• _EXERCISE GOAL_: When you spot the word "Radius" in a line of the data below, copy that line.

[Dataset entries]

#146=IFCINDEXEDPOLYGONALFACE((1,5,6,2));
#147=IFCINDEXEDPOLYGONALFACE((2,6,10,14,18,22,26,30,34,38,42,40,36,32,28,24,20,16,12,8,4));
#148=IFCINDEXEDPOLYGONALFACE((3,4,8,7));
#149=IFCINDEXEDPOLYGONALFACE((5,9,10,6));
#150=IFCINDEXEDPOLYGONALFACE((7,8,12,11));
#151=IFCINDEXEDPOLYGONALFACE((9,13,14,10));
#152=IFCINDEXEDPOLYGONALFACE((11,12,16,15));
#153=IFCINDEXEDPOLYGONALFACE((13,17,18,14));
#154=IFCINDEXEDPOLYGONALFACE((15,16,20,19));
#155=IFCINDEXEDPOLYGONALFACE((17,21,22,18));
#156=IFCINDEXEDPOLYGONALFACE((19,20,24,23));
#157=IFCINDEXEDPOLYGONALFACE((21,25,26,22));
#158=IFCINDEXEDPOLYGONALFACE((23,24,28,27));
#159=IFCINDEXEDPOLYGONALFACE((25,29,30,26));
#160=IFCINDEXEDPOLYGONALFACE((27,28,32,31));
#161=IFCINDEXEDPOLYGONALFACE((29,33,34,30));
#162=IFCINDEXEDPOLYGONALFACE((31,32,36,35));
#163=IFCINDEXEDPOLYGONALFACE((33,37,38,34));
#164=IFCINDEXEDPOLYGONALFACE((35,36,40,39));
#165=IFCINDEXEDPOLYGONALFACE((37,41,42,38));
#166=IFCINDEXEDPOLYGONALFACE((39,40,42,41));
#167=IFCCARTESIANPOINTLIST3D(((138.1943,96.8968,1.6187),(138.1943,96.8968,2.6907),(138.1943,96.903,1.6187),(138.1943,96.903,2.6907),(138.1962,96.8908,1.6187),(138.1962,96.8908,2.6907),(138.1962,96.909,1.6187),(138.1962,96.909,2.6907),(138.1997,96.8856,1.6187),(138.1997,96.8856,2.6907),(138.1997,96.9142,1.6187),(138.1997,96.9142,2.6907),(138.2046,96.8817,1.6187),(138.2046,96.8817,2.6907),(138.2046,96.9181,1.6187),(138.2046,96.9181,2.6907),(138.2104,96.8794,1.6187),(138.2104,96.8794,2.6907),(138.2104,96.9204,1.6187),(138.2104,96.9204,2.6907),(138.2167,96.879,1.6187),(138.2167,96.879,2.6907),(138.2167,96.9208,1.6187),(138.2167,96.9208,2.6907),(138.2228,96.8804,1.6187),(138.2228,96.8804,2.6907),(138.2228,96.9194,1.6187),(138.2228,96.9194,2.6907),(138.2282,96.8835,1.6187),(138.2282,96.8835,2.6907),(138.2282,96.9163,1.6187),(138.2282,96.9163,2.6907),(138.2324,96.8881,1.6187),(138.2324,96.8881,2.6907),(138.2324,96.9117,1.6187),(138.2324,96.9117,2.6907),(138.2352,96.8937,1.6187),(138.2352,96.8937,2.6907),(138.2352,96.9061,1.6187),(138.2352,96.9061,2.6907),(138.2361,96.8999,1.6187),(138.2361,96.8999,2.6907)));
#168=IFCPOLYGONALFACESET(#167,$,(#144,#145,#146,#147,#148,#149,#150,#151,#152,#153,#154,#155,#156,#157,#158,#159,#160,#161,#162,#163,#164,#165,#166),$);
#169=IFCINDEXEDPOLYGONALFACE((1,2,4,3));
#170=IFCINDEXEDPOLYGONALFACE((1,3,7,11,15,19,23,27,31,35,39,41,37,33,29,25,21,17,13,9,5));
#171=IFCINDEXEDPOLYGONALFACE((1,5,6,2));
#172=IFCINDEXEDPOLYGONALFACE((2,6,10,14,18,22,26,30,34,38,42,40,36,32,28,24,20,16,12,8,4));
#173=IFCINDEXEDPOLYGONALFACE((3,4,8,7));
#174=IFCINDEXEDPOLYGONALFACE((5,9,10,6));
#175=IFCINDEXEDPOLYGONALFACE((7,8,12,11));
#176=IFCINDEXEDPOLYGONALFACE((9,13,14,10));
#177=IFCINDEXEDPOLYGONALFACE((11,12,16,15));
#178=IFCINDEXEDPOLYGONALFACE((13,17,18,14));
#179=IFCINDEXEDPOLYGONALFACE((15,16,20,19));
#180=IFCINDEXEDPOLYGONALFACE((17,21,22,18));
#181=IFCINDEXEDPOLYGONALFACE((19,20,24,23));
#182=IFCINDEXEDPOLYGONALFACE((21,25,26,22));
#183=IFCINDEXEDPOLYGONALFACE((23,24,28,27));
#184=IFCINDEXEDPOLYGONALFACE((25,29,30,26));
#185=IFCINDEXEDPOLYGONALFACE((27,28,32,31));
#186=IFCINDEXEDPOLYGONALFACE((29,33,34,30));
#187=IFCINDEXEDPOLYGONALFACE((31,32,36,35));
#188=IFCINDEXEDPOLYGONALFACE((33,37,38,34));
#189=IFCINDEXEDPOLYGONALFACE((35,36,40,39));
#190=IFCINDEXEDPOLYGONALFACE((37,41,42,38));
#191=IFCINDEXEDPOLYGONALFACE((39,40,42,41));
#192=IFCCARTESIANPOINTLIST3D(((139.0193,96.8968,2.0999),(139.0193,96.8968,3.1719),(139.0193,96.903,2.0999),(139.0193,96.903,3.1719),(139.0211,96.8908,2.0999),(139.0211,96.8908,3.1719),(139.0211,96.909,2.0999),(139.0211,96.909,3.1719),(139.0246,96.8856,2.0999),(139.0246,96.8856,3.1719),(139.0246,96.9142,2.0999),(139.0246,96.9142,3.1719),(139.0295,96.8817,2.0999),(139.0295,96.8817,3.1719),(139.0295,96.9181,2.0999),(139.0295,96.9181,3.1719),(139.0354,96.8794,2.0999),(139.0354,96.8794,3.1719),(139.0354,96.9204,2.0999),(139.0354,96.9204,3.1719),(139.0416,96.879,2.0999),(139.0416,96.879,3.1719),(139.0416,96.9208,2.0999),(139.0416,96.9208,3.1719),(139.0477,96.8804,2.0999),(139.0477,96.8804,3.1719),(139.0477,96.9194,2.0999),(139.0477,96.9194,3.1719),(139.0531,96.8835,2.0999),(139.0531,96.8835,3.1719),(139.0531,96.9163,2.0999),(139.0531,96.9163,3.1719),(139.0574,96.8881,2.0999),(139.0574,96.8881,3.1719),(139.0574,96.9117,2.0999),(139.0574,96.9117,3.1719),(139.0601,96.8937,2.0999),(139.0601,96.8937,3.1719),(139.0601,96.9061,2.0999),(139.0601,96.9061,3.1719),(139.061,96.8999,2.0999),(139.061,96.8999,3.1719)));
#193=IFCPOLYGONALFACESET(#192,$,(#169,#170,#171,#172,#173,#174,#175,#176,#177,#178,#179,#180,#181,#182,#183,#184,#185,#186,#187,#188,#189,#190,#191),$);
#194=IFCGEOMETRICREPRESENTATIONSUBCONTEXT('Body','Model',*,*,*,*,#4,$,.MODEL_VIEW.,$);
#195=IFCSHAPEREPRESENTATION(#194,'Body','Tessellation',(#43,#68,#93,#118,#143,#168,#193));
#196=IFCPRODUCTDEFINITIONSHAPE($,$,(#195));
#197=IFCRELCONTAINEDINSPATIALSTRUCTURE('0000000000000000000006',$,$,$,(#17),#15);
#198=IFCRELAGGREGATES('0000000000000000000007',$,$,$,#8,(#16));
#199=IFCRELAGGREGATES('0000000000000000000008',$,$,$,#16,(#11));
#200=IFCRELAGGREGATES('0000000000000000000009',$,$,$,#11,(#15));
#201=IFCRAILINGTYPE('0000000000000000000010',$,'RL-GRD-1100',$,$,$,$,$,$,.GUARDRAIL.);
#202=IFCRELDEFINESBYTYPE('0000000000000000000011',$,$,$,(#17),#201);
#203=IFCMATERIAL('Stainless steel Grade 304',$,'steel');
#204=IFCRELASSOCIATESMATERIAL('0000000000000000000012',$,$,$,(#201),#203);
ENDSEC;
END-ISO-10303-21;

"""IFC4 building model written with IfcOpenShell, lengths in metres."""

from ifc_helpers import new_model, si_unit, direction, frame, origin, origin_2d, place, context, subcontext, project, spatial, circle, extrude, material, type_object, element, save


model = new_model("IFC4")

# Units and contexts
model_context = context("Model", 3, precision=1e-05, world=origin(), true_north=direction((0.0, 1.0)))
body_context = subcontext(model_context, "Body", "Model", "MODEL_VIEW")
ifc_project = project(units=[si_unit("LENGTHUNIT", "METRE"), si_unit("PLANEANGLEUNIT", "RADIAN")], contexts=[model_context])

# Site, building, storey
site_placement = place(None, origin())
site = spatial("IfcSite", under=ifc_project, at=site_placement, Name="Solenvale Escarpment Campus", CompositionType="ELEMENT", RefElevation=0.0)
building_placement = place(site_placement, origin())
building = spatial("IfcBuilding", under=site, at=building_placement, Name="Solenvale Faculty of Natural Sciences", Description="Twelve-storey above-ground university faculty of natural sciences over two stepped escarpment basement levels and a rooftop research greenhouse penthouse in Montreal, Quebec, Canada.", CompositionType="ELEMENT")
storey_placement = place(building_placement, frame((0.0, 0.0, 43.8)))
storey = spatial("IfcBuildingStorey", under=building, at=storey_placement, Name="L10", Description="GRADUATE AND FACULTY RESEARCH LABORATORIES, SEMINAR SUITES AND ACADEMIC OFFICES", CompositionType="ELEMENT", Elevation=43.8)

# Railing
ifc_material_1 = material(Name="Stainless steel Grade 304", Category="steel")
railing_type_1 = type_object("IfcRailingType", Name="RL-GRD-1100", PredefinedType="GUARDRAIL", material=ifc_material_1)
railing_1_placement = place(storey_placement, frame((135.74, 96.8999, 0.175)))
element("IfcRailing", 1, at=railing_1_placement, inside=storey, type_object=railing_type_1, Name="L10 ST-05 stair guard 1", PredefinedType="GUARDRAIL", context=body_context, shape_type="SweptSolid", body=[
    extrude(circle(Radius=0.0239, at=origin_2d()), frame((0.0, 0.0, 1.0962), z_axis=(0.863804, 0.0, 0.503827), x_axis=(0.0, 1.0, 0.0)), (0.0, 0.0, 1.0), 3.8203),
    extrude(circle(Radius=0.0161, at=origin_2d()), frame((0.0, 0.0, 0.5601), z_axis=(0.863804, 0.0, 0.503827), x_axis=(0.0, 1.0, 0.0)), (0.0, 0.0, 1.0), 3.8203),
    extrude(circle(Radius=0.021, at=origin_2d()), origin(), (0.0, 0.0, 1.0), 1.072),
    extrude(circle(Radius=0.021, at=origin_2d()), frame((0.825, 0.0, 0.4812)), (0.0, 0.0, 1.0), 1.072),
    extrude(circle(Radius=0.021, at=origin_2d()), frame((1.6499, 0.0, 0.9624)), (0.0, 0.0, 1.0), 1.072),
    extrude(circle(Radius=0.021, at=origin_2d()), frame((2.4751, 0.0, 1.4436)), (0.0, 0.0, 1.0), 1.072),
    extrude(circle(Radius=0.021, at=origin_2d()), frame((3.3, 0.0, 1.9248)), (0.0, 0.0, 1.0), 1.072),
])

• _ANSWER_:
    extrude(circle(Radius=0.0239, at=origin_2d()), frame((0.0, 0.0, 1.0962), z_axis=(0.863804, 0.0, 0.503827), x_axis=(0.0, 1.0, 0.0)), (0.0, 0.0, 1.0), 3.8203),
    extrude(circle(Radius=0.0161, at=origin_2d()), frame((0.0, 0.0, 0.5601), z_axis=(0.863804, 0.0, 0.503827), x_axis=(0.0, 1.0, 0.0)), (0.0, 0.0, 1.0), 3.8203),
    extrude(circle(Radius=0.021, at=origin_2d()), origin(), (0.0, 0.0, 1.0), 1.072),
    extrude(circle(Radius=0.021, at=origin_2d()), frame((0.825, 0.0, 0.4812)), (0.0, 0.0, 1.0), 1.072),
    extrude(circle(Radius=0.021, at=origin_2d()), frame((1.6499, 0.0, 0.9624)), (0.0, 0.0, 1.0), 1.072),
    extrude(circle(Radius=0.021, at=origin_2d()), frame((2.4751, 0.0, 1.4436)), (0.0, 0.0, 1.0), 1.072),
    extrude(circle(Radius=0.021, at=origin_2d()), frame((3.3, 0.0, 1.9248)), (0.0, 0.0, 1.0), 1.072),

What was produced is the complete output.